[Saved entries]
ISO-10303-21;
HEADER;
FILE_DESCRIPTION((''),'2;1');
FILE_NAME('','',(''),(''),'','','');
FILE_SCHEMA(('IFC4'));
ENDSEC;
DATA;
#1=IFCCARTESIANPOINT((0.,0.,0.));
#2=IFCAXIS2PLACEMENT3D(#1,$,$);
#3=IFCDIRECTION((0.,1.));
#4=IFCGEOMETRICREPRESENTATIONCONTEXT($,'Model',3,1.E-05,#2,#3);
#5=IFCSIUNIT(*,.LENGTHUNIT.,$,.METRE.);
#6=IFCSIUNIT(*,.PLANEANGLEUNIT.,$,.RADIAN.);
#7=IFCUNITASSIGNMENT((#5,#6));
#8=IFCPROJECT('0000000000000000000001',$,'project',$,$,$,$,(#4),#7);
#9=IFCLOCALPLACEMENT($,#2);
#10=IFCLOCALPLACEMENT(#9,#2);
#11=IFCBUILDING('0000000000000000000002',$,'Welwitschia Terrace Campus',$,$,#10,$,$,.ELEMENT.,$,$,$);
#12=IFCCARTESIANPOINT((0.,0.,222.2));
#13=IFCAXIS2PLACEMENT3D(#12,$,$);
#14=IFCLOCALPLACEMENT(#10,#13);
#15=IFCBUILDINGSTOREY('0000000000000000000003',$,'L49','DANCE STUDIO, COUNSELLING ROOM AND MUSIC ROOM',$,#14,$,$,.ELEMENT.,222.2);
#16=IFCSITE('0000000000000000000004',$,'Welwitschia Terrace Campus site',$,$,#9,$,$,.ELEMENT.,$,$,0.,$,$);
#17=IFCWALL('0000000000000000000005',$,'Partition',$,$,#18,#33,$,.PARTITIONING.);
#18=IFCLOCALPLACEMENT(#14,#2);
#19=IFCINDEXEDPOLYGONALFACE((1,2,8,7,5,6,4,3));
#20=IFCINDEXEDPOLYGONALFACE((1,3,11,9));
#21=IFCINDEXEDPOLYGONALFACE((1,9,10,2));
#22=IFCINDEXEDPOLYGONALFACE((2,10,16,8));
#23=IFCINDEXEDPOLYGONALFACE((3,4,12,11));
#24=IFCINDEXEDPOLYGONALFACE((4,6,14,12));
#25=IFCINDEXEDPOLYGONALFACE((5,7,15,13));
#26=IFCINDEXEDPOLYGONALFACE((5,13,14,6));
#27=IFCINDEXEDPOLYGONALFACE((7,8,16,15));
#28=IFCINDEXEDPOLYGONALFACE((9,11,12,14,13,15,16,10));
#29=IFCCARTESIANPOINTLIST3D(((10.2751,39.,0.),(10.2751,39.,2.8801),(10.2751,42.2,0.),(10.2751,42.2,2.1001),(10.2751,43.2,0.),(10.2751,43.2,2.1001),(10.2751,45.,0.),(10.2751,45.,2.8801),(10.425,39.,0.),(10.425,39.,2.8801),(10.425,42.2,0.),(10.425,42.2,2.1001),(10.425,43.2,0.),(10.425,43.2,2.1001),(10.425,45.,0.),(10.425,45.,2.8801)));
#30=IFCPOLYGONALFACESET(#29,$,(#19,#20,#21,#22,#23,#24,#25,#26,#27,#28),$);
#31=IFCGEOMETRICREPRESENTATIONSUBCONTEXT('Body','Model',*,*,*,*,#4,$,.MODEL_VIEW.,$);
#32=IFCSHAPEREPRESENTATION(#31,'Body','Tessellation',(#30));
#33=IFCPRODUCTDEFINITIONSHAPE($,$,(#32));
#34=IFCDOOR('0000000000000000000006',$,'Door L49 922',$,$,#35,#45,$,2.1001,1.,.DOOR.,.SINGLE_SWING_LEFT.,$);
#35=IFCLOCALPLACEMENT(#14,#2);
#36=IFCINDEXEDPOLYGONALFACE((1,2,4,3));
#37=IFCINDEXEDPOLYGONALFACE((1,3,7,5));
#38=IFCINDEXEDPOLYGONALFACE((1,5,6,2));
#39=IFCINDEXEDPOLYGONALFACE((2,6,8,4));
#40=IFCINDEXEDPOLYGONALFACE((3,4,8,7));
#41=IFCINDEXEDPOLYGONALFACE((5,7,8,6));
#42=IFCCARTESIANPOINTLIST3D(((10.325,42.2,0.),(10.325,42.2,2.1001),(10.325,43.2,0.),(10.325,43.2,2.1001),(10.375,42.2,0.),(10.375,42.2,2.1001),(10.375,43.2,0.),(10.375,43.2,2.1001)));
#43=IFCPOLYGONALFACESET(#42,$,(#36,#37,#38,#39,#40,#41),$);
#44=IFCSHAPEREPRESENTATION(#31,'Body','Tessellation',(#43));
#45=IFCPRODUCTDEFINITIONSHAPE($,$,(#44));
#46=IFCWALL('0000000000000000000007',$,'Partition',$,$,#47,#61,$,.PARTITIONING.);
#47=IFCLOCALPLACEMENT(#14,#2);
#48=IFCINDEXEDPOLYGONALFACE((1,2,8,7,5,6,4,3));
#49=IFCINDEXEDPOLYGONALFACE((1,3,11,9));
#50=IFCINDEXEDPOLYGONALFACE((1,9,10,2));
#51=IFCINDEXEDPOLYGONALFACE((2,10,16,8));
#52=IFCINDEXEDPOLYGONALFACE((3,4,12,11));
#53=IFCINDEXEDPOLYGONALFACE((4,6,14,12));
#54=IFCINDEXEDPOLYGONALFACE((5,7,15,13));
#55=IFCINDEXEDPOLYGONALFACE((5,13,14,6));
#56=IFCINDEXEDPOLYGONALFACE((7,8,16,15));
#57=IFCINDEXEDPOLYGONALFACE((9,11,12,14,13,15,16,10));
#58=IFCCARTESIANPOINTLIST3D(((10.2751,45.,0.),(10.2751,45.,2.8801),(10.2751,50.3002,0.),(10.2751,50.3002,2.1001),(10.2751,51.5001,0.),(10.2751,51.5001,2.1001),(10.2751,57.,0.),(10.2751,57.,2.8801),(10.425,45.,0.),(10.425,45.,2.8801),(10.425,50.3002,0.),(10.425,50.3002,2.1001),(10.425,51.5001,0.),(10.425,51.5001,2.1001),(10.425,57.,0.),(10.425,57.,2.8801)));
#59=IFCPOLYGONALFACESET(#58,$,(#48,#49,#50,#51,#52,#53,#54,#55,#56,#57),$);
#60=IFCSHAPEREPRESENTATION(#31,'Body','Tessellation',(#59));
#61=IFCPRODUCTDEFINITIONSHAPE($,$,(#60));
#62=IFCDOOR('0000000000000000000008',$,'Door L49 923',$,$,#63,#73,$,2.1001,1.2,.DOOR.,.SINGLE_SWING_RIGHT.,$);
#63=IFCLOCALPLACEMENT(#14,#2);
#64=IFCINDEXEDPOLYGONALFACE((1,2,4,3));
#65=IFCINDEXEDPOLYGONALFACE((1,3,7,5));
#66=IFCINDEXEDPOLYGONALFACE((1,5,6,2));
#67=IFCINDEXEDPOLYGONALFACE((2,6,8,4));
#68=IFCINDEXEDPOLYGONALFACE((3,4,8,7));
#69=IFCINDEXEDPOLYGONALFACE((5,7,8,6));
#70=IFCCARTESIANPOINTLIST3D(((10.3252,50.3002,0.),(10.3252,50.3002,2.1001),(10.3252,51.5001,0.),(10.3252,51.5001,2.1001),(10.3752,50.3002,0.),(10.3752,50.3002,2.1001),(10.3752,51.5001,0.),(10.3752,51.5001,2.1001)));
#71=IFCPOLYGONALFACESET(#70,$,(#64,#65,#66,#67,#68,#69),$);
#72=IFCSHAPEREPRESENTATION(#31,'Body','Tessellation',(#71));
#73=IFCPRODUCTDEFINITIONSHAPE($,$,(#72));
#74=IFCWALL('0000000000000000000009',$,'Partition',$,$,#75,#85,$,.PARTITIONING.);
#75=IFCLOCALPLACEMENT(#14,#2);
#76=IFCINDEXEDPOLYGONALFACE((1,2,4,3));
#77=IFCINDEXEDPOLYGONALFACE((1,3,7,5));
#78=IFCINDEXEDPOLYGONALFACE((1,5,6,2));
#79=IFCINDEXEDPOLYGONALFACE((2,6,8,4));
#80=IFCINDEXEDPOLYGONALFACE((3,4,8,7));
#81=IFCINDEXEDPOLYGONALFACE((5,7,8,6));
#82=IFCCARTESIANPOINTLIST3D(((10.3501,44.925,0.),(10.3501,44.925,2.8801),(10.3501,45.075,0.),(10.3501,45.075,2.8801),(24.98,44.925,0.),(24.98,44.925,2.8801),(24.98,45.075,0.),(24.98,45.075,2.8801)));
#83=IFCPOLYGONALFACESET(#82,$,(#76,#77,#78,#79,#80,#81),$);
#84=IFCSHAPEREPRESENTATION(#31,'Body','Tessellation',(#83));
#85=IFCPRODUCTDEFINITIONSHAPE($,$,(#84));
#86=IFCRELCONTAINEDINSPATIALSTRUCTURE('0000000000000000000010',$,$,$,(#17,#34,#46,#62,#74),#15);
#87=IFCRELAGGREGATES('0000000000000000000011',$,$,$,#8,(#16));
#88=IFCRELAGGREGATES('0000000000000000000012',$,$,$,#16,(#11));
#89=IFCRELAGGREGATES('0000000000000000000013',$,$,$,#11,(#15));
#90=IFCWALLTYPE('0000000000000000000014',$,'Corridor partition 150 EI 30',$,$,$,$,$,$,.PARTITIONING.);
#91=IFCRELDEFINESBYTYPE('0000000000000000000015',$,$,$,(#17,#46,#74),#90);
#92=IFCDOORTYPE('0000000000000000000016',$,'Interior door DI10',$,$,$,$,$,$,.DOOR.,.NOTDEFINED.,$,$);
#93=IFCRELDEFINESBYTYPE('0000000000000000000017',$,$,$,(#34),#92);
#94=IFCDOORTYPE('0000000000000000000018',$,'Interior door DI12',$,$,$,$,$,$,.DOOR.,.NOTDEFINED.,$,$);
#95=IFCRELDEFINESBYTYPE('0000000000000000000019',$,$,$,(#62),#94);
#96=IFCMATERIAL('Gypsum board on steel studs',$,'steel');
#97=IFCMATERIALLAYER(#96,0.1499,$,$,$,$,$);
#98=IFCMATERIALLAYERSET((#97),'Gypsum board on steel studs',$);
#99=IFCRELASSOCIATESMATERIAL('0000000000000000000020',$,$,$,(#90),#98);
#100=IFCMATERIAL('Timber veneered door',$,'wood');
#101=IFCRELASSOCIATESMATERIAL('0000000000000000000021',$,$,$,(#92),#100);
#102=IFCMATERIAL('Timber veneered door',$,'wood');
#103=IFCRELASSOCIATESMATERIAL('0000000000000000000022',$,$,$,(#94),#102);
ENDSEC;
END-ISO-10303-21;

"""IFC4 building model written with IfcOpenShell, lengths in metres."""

from ifc_helpers import new_model, si_unit, direction, frame, frame_2d, origin, place, context, subcontext, project, spatial, rectangle, extrude, material, layer, layer_set, type_object, element, fill, save


model = new_model("IFC4")

# Units and contexts
model_context = context("Model", 3, precision=1e-05, world=origin(), true_north=direction((0.0, 1.0)))
body_context = subcontext(model_context, "Body", "Model", "MODEL_VIEW")
ifc_project = project(units=[si_unit("LENGTHUNIT", "METRE"), si_unit("PLANEANGLEUNIT", "RADIAN")], contexts=[model_context])

# Site, building, storey
site_placement = place(None, origin())
site = spatial("IfcSite", under=ifc_project, at=site_placement, Name="Welwitschia Terrace Campus site", CompositionType="ELEMENT", RefElevation=0.0)
building_placement = place(site_placement, origin())
building = spatial("IfcBuilding", under=site, at=building_placement, Name="Welwitschia Terrace Campus", CompositionType="ELEMENT")
storey_placement = place(building_placement, frame((0.0, 0.0, 222.2)))
storey = spatial("IfcBuildingStorey", under=building, at=storey_placement, Name="L49", Description="DANCE STUDIO, COUNSELLING ROOM AND MUSIC ROOM", CompositionType="ELEMENT", Elevation=222.2)

# Shared definitions
ifc_material_1 = material(Name="Gypsum board on steel studs", Category="steel")
ifc_layer_1 = layer(ifc_material_1, 0.1499)
ifc_layer_set_1 = layer_set([ifc_layer_1], Name="Gypsum board on steel studs")
wall_type = type_object("IfcWallType", Name="Corridor partition 150 EI 30", PredefinedType="PARTITIONING", material=ifc_layer_set_1)

# Shared definitions
ifc_material_2 = material(Name="Timber veneered door", Category="wood")
door_type_1 = type_object("IfcDoorType", Name="Interior door DI10", OperationType="NOTDEFINED", PredefinedType="DOOR", material=ifc_material_2)

# Walls, openings, doors
wall_1_placement = place(storey_placement, frame((10.3501, 45.0, 0.0), z_axis=(0.0, 0.0, 1.0), x_axis=(0.0, -1.0, 0.0)))
wall_1 = element("IfcWall", 1, at=wall_1_placement, inside=storey, type_object=wall_type, Name="Partition", PredefinedType="PARTITIONING", context=body_context, shape_type="SweptSolid", body=[
    extrude(rectangle(XDim=6.0, YDim=0.1499, at=frame_2d((3.0, 0.0))), origin(), (0.0, 0.0, 1.0), 2.8801),
])
opening_1_placement = place(wall_1_placement, frame((1.8, 0.0, 0.0)))
opening_1 = element("IfcOpeningElement", 2, at=opening_1_placement, cuts=wall_1, PredefinedType="OPENING", context=body_context, shape_type="SweptSolid", body=[
    extrude(rectangle(XDim=1.0, YDim=2.1001, at=frame_2d((0.5, 1.05))), frame((0.0, 0.085, 0.0), z_axis=(0.0, -1.0, 0.0), x_axis=(1.0, 0.0, 0.0)), (0.0, 0.0, 1.0), 0.1699),
])
door_1_placement = place(opening_1_placement, origin())
door_1 = element("IfcDoor", 3, at=door_1_placement, inside=storey, type_object=door_type_1, Name="Door L49 922", OperationType="SINGLE_SWING_LEFT", OverallHeight=2.1001, OverallWidth=1.0, PredefinedType="DOOR", context=body_context, shape_type="SweptSolid", body=[
    extrude(rectangle(XDim=1.0, YDim=2.1001, at=frame_2d((0.5, 1.05))), frame((0.0, 0.0249, 0.0), z_axis=(0.0, -1.0, 0.0), x_axis=(1.0, 0.0, 0.0)), (0.0, 0.0, 1.0), 0.05),
])
fill(opening_1, door_1)
wall_2_placement = place(storey_placement, frame((10.3501, 45.0, 0.0), z_axis=(0.0, 0.0, 1.0), x_axis=(0.0, 1.0, 0.0)))
wall_2 = element("IfcWall", 4, at=wall_2_placement, inside=storey, type_object=wall_type, Name="Partition", PredefinedType="PARTITIONING", context=body_context, shape_type="SweptSolid", body=[
    extrude(rectangle(XDim=12.0, YDim=0.1499, at=frame_2d((6.0, 0.0))), origin(), (0.0, 0.0, 1.0), 2.8801),
])
opening_2_placement = place(wall_2_placement, frame((5.3, 0.0, 0.0)))
opening_2 = element("IfcOpeningElement", 5, at=opening_2_placement, cuts=wall_2, PredefinedType="OPENING", context=body_context, shape_type="SweptSolid", body=[
    extrude(rectangle(XDim=1.2, YDim=2.1001, at=frame_2d((0.6001, 1.05))), frame((0.0, 0.085, 0.0), z_axis=(0.0, -1.0, 0.0), x_axis=(1.0, 0.0, 0.0)), (0.0, 0.0, 1.0), 0.1699),
])
ifc_material_3 = material(Name="Timber veneered door", Category="wood")
door_type_2 = type_object("IfcDoorType", Name="Interior door DI12", OperationType="NOTDEFINED", PredefinedType="DOOR", material=ifc_material_3)
door_2_placement = place(opening_2_placement, origin())
door_2 = element("IfcDoor", 6, at=door_2_placement, inside=storey, type_object=door_type_2, Name="Door L49 923", OperationType="SINGLE_SWING_RIGHT", OverallHeight=2.1001, OverallWidth=1.2, PredefinedType="DOOR", context=body_context, shape_type="SweptSolid", body=[
    extrude(rectangle(XDim=1.2, YDim=2.1001, at=frame_2d((0.6001, 1.05))), frame((0.0, 0.0249, 0.0), z_axis=(0.0, -1.0, 0.0), x_axis=(1.0, 0.0, 0.0)), (0.0, 0.0, 1.0), 0.05),
])
fill(opening_2, door_2)

# Wall
wall_3_placement = place(storey_placement, frame((10.3501, 45.0, 0.0), z_axis=(0.0, 0.0, 1.0), x_axis=(1.0, 0.0, 0.0)))
element("IfcWall", 7, at=wall_3_placement, inside=storey, type_object=wall_type, Name="Partition", PredefinedType="PARTITIONING", context=body_context, shape_type="SweptSolid", body=[
    extrude(rectangle(XDim=14.6299, YDim=0.1499, at=frame_2d((7.3149, 0.0))), origin(), (0.0, 0.0, 1.0), 2.8801),
])

save(model, "model.ifc")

* Exercise prompt: Above are the records; from them, give again exactly the lines from the one containing "#24=IFCINDEXEDPOLYGONALFACE((4,6,14,12));" to the one containing "#50=IFCINDEXEDPOLYGONALFACE((1,9,10,2));", both lines included, and nothing more.

* Solution for this task:
#24=IFCINDEXEDPOLYGONALFACE((4,6,14,12));
#25=IFCINDEXEDPOLYGONALFACE((5,7,15,13));
#26=IFCINDEXEDPOLYGONALFACE((5,13,14,6));
#27=IFCINDEXEDPOLYGONALFACE((7,8,16,15));
#28=IFCINDEXEDPOLYGONALFACE((9,11,12,14,13,15,16,10));
#29=IFCCARTESIANPOINTLIST3D(((10.2751,39.,0.),(10.2751,39.,2.8801),(10.2751,42.2,0.),(10.2751,42.2,2.1001),(10.2751,43.2,0.),(10.2751,43.2,2.1001),(10.2751,45.,0.),(10.2751,45.,2.8801),(10.425,39.,0.),(10.425,39.,2.8801),(10.425,42.2,0.),(10.425,42.2,2.1001),(10.425,43.2,0.),(10.425,43.2,2.1001),(10.425,45.,0.),(10.425,45.,2.8801)));
#30=IFCPOLYGONALFACESET(#29,$,(#19,#20,#21,#22,#23,#24,#25,#26,#27,#28),$);
#31=IFCGEOMETRICREPRESENTATIONSUBCONTEXT('Body','Model',*,*,*,*,#4,$,.MODEL_VIEW.,$);
#32=IFCSHAPEREPRESENTATION(#31,'Body','Tessellation',(#30));
#33=IFCPRODUCTDEFINITIONSHAPE($,$,(#32));
#34=IFCDOOR('0000000000000000000006',$,'Door L49 922',$,$,#35,#45,$,2.1001,1.,.DOOR.,.SINGLE_SWING_LEFT.,$);
#35=IFCLOCALPLACEMENT(#14,#2);
#36=IFCINDEXEDPOLYGONALFACE((1,2,4,3));
#37=IFCINDEXEDPOLYGONALFACE((1,3,7,5));
#38=IFCINDEXEDPOLYGONALFACE((1,5,6,2));
#39=IFCINDEXEDPOLYGONALFACE((2,6,8,4));
#40=IFCINDEXEDPOLYGONALFACE((3,4,8,7));
#41=IFCINDEXEDPOLYGONALFACE((5,7,8,6));
#42=IFCCARTESIANPOINTLIST3D(((10.325,42.2,0.),(10.325,42.2,2.1001),(10.325,43.2,0.),(10.325,43.2,2.1001),(10.375,42.2,0.),(10.375,42.2,2.1001),(10.375,43.2,0.),(10.375,43.2,2.1001)));
#43=IFCPOLYGONALFACESET(#42,$,(#36,#37,#38,#39,#40,#41),$);
#44=IFCSHAPEREPRESENTATION(#31,'Body','Tessellation',(#43));
#45=IFCPRODUCTDEFINITIONSHAPE($,$,(#44));
#46=IFCWALL('0000000000000000000007',$,'Partition',$,$,#47,#61,$,.PARTITIONING.);
#47=IFCLOCALPLACEMENT(#14,#2);
#48=IFCINDEXEDPOLYGONALFACE((1,2,8,7,5,6,4,3));
#49=IFCINDEXEDPOLYGONALFACE((1,3,11,9));
#50=IFCINDEXEDPOLYGONALFACE((1,9,10,2));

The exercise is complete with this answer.